▸ **WORK INSTRUCTION**
Repeat exactly the lines from the start of the entries below through the line containing "#112=IFCINDEXEDPOLYGONALFACE((3,4,8,7));". Omit the rest.

▸ **EXERCISE DATA**
== == ==

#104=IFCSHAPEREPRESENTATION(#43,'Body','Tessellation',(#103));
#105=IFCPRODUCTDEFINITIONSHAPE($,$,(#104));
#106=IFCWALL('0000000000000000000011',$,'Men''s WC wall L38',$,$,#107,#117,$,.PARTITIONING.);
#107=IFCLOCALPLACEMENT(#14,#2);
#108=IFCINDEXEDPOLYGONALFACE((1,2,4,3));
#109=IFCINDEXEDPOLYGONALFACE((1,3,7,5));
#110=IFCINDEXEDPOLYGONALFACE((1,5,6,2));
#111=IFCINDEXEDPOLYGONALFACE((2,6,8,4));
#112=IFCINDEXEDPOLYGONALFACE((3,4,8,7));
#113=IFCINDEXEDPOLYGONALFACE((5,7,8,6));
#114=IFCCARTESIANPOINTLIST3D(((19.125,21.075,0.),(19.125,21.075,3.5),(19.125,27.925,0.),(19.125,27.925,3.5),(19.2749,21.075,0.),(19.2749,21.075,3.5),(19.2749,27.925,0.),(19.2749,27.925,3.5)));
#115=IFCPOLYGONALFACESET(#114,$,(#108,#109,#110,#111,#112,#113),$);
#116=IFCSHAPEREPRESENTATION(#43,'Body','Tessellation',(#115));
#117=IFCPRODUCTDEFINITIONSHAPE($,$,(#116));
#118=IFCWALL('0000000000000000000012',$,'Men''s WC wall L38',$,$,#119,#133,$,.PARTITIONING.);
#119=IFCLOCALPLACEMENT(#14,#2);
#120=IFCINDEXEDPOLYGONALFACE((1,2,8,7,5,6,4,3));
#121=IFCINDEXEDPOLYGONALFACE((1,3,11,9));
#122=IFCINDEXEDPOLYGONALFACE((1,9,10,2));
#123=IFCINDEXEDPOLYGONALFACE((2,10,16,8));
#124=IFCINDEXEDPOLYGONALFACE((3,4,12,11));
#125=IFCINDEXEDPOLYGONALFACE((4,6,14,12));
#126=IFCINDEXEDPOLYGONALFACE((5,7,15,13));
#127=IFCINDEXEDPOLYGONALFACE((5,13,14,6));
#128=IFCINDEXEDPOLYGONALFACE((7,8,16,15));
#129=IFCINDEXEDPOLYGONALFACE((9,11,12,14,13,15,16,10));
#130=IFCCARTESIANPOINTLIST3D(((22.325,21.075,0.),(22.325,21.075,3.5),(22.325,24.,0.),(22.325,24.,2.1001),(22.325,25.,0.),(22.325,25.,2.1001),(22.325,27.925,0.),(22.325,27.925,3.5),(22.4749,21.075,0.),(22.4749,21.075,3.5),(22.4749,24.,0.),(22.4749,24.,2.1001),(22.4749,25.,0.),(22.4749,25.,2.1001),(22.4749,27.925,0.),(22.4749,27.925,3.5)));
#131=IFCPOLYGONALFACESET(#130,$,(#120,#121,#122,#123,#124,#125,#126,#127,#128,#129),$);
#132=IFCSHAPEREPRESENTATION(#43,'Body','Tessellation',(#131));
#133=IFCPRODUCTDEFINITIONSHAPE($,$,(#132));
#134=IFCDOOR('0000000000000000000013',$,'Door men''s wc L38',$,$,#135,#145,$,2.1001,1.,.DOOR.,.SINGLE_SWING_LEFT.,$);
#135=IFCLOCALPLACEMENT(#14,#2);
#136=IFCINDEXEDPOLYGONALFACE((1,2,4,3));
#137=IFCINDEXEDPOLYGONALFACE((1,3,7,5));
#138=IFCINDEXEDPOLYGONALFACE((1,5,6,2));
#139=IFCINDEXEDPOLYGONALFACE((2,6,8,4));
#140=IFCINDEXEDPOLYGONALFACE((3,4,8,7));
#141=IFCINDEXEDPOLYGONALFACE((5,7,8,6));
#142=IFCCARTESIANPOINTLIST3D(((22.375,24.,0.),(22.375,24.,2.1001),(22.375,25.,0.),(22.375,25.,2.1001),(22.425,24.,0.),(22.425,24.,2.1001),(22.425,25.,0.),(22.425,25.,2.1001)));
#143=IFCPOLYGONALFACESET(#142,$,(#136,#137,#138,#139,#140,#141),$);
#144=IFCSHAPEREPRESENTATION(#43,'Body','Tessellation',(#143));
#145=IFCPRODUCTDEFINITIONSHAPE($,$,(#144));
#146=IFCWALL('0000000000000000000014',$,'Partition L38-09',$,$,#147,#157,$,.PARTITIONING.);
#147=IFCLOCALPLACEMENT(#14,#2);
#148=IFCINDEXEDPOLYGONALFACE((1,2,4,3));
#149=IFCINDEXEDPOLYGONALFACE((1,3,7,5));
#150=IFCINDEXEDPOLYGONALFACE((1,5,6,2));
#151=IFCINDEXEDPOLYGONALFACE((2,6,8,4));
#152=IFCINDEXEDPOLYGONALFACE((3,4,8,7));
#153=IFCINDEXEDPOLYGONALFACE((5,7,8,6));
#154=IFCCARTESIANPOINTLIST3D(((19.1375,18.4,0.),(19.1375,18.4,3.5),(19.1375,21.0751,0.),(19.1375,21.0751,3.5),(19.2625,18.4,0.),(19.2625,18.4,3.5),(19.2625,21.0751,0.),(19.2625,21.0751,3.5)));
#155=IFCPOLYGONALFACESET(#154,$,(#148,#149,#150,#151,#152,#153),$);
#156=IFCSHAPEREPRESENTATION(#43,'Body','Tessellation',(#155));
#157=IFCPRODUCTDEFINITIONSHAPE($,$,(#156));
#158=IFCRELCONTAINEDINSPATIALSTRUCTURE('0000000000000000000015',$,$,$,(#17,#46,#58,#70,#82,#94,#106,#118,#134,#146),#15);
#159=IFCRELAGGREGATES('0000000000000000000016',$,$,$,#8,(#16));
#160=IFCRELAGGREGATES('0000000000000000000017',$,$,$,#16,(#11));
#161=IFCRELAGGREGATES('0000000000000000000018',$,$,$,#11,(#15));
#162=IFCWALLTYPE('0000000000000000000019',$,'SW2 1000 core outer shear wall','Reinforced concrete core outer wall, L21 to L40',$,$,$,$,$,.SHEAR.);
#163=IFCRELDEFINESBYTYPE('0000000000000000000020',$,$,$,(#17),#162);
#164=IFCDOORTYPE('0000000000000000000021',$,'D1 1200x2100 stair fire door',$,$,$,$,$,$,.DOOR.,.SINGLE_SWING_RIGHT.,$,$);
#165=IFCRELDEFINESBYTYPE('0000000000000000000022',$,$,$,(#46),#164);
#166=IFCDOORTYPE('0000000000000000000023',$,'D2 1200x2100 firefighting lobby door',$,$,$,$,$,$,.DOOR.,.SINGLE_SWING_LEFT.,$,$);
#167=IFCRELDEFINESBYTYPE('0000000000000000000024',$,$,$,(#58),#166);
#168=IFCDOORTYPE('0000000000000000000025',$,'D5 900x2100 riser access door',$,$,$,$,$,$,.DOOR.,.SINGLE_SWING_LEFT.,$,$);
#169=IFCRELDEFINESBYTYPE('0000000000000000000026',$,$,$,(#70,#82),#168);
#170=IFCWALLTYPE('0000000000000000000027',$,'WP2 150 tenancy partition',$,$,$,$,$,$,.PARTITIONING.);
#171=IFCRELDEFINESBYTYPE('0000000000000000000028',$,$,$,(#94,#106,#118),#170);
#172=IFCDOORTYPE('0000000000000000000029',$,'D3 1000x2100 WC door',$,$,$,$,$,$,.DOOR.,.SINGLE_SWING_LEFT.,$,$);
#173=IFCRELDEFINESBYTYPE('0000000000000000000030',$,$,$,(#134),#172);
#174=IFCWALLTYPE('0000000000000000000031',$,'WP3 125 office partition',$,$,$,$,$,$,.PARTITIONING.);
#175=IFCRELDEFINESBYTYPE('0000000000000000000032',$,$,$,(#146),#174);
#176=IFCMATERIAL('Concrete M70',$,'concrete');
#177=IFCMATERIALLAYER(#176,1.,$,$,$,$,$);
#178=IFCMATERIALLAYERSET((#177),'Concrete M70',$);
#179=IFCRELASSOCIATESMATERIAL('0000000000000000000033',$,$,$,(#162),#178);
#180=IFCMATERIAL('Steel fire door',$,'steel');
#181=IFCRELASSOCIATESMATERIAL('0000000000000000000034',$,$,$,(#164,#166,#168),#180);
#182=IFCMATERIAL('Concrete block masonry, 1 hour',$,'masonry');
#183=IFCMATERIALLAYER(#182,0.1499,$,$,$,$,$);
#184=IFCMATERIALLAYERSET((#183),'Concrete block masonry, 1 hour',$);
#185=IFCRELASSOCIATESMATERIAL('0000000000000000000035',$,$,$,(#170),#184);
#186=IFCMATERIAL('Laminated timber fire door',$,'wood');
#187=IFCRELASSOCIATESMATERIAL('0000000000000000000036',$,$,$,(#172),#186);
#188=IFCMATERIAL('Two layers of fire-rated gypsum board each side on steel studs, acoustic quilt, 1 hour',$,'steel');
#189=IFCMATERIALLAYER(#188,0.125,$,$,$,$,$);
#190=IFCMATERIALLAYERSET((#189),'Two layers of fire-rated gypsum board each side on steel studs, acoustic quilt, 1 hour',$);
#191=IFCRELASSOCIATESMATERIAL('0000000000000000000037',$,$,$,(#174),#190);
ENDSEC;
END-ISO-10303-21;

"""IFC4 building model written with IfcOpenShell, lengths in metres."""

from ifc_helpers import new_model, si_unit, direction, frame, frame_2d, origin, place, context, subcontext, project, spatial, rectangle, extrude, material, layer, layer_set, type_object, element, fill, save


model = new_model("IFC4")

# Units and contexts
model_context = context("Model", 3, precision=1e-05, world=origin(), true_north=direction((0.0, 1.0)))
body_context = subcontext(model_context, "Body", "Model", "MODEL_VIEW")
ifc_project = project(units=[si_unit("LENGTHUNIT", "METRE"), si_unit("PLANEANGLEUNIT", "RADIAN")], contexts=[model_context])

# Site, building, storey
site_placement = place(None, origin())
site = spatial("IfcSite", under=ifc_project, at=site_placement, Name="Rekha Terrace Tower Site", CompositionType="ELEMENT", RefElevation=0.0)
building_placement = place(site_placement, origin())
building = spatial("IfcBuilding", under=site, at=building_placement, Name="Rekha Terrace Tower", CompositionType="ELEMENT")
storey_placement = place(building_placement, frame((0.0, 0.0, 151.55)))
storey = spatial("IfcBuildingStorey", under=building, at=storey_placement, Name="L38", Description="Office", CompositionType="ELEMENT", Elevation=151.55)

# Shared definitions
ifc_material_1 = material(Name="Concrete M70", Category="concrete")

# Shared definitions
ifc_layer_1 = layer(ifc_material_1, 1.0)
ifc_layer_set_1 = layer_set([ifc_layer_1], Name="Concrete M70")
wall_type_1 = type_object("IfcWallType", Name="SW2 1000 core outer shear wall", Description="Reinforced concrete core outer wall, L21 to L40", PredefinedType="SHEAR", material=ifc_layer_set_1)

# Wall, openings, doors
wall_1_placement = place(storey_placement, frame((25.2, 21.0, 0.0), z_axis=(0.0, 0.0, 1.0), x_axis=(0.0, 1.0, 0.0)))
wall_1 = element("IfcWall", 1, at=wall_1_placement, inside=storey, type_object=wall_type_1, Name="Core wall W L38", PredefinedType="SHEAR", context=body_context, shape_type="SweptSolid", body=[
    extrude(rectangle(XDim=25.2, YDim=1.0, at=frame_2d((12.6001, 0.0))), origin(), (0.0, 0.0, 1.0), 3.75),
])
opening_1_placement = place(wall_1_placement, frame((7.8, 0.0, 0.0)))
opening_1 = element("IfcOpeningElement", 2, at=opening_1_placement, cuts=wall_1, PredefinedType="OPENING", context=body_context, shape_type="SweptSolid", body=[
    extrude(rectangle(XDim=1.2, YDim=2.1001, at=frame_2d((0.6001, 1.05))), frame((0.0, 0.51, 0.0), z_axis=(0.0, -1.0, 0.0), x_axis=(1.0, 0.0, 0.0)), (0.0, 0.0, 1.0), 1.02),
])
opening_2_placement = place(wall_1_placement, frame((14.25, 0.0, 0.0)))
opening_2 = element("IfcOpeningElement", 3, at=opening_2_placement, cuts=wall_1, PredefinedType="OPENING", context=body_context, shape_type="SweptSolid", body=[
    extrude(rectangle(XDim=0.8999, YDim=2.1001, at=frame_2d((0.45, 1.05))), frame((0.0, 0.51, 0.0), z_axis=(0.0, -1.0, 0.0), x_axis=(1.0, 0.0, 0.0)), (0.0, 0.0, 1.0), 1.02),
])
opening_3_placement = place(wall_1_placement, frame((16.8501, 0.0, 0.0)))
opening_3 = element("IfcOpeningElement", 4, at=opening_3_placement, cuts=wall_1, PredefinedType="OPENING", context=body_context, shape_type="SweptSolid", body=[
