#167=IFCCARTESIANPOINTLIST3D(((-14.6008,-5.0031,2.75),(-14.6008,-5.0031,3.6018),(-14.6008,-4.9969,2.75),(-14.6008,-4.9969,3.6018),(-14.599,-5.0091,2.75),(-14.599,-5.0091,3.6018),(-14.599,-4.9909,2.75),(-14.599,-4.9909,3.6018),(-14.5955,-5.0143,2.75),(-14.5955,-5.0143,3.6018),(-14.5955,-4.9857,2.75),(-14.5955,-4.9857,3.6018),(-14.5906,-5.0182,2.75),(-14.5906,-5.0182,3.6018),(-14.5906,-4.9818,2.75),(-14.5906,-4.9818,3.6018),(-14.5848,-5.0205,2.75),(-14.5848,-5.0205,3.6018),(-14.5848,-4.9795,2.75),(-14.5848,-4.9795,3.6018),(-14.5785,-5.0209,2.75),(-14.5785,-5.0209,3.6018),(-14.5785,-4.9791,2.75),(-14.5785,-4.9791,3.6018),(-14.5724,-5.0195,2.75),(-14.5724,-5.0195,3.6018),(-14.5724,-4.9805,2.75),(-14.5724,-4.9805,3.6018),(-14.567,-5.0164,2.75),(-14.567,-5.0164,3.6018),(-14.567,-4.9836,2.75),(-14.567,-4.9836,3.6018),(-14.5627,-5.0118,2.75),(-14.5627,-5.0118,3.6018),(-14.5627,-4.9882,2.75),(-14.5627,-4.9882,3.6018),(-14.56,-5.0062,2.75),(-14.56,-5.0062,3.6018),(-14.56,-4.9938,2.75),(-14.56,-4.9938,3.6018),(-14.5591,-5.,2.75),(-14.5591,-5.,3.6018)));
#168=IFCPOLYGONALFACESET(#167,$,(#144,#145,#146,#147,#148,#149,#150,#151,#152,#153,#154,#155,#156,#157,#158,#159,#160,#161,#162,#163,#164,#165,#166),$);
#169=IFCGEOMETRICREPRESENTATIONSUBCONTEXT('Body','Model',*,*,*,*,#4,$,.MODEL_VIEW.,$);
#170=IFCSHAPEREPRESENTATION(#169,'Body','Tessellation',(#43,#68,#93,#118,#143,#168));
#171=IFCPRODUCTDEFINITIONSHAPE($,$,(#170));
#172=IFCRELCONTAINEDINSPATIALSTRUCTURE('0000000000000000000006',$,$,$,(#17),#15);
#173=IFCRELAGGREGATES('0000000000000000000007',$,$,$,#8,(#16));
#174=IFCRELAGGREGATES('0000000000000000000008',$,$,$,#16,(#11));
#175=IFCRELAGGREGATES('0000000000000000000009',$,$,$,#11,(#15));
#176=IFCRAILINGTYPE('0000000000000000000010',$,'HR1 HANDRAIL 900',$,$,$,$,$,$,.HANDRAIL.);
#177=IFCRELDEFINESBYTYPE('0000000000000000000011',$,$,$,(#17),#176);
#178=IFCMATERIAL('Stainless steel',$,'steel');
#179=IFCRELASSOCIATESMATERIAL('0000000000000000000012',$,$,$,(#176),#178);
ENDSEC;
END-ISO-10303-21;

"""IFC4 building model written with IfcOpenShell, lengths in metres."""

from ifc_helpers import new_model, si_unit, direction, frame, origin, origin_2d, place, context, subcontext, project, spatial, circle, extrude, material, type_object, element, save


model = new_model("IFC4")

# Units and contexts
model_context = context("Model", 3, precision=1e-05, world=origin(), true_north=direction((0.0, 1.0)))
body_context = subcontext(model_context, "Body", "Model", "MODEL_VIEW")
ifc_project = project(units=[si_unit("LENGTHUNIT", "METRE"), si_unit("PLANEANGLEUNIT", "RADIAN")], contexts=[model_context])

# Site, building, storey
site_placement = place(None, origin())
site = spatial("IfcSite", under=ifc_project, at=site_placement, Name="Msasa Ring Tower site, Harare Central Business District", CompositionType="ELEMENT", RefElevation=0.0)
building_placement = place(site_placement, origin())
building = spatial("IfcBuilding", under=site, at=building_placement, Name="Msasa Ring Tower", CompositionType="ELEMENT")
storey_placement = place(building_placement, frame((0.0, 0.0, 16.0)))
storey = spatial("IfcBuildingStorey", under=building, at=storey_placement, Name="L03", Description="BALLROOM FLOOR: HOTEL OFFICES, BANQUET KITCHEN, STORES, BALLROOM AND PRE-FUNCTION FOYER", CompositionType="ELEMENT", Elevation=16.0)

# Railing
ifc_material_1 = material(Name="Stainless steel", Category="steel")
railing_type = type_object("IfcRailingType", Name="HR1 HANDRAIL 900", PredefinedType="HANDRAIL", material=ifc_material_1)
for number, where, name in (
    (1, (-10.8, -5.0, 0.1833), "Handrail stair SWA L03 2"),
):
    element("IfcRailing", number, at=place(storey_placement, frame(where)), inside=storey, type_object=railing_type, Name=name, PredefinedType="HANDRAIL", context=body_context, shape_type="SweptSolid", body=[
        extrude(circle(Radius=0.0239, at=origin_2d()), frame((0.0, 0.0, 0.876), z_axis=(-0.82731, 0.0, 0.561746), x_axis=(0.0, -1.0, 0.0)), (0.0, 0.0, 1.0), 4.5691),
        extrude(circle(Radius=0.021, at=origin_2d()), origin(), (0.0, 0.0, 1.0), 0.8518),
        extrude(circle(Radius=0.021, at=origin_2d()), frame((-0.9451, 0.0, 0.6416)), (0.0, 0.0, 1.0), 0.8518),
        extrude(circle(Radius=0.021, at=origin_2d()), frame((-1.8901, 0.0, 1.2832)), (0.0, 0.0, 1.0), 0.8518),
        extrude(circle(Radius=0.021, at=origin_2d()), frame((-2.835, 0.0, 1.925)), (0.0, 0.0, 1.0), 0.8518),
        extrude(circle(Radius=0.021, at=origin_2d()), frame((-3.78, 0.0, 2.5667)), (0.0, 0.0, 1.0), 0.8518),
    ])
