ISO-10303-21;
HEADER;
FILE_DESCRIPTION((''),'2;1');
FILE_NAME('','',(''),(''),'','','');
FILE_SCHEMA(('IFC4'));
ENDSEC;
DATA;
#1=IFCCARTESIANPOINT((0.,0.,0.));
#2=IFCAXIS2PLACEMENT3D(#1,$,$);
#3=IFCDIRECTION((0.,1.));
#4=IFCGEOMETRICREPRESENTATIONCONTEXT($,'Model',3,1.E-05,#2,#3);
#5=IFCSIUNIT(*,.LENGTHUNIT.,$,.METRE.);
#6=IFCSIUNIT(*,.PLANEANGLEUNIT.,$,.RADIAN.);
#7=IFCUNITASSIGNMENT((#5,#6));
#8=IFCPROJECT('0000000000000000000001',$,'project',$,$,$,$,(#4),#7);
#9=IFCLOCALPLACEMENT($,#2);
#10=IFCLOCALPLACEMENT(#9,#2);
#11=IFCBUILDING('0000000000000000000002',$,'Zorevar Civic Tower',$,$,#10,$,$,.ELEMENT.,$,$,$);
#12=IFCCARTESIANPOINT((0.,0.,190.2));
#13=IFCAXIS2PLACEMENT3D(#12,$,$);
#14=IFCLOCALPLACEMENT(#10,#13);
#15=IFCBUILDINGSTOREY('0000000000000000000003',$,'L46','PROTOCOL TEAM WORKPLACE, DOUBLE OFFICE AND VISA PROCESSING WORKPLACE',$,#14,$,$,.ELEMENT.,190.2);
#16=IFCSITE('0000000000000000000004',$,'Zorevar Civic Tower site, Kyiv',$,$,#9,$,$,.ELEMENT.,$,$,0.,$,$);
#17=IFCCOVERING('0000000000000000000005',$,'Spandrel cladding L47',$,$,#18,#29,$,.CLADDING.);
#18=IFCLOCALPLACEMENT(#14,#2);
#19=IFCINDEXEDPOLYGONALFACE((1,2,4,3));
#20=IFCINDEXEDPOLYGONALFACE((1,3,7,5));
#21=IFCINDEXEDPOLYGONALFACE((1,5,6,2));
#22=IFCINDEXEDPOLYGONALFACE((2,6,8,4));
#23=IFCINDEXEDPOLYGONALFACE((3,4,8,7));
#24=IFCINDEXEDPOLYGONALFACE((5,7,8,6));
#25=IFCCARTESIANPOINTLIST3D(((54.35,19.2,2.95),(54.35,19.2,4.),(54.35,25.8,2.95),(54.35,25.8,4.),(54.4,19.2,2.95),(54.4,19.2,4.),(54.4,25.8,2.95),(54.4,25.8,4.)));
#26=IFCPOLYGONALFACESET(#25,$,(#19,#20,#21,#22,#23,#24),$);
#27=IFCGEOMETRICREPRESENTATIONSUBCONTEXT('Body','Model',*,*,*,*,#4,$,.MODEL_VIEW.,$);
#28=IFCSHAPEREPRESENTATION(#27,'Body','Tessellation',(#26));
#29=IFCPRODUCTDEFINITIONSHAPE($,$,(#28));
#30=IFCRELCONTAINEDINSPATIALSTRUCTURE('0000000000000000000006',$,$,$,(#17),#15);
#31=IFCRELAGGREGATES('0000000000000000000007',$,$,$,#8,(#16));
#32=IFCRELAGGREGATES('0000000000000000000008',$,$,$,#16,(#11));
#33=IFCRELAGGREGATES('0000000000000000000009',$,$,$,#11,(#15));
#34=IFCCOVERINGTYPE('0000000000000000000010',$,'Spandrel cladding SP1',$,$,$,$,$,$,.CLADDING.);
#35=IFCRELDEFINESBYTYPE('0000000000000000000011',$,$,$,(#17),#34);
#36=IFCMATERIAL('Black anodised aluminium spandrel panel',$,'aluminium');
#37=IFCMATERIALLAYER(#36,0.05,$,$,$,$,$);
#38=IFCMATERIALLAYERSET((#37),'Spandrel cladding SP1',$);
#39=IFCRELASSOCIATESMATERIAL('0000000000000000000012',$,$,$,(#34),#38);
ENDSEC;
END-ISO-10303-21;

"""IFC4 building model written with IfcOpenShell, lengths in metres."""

from ifc_helpers import new_model, si_unit, direction, frame, frame_2d, origin, place, context, subcontext, project, spatial, rectangle, extrude, material, layer, layer_set, type_object, element, save


model = new_model("IFC4")

# Units and contexts
model_context = context("Model", 3, precision=1e-05, world=origin(), true_north=direction((0.0, 1.0)))
body_context = subcontext(model_context, "Body", "Model", "MODEL_VIEW")
ifc_project = project(units=[si_unit("LENGTHUNIT", "METRE"), si_unit("PLANEANGLEUNIT", "RADIAN")], contexts=[model_context])

# Site, building, storey
site_placement = place(None, origin())
site = spatial("IfcSite", under=ifc_project, at=site_placement, Name="Zorevar Civic Tower site, Kyiv", CompositionType="ELEMENT", RefElevation=0.0)
building_placement = place(site_placement, origin())
building = spatial("IfcBuilding", under=site, at=building_placement, Name="Zorevar Civic Tower", CompositionType="ELEMENT")
storey_placement = place(building_placement, frame((0.0, 0.0, 190.2)))
storey = spatial("IfcBuildingStorey", under=building, at=storey_placement, Name="L46", Description="PROTOCOL TEAM WORKPLACE, DOUBLE OFFICE AND VISA PROCESSING WORKPLACE", CompositionType="ELEMENT", Elevation=190.2)

# Covering
ifc_material_1 = material(Name="Black anodised aluminium spandrel panel", Category="aluminium")
ifc_layer_1 = layer(ifc_material_1, 0.05)
ifc_layer_set_1 = layer_set([ifc_layer_1], Name="Spandrel cladding SP1")
covering_type = type_object("IfcCoveringType", Name="Spandrel cladding SP1", PredefinedType="CLADDING", material=ifc_layer_set_1)
covering_1_placement = place(storey_placement, frame((54.375, 19.2, 2.95), z_axis=(0.0, 0.0, 1.0), x_axis=(0.0, 1.0, 0.0)))
element("IfcCovering", 1, at=covering_1_placement, inside=storey, type_object=covering_type, Name="Spandrel cladding L47", PredefinedType="CLADDING", context=body_context, shape_type="SweptSolid", body=[
    extrude(rectangle(XDim=6.6001, YDim=0.05, at=frame_2d((3.3, 0.0))), origin(), (0.0, 0.0, 1.0), 1.05),
])

save(model, "model.ifc")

== == ==

▸ **REPLY**
#104=IFCSHAPEREPRESENTATION(#43,'Body','Tessellation',(#103));
#105=IFCPRODUCTDEFINITIONSHAPE($,$,(#104));
#106=IFCWALL('0000000000000000000011',$,'Men''s WC wall L38',$,$,#107,#117,$,.PARTITIONING.);
#107=IFCLOCALPLACEMENT(#14,#2);
#108=IFCINDEXEDPOLYGONALFACE((1,2,4,3));
#109=IFCINDEXEDPOLYGONALFACE((1,3,7,5));
#110=IFCINDEXEDPOLYGONALFACE((1,5,6,2));
#111=IFCINDEXEDPOLYGONALFACE((2,6,8,4));
#112=IFCINDEXEDPOLYGONALFACE((3,4,8,7));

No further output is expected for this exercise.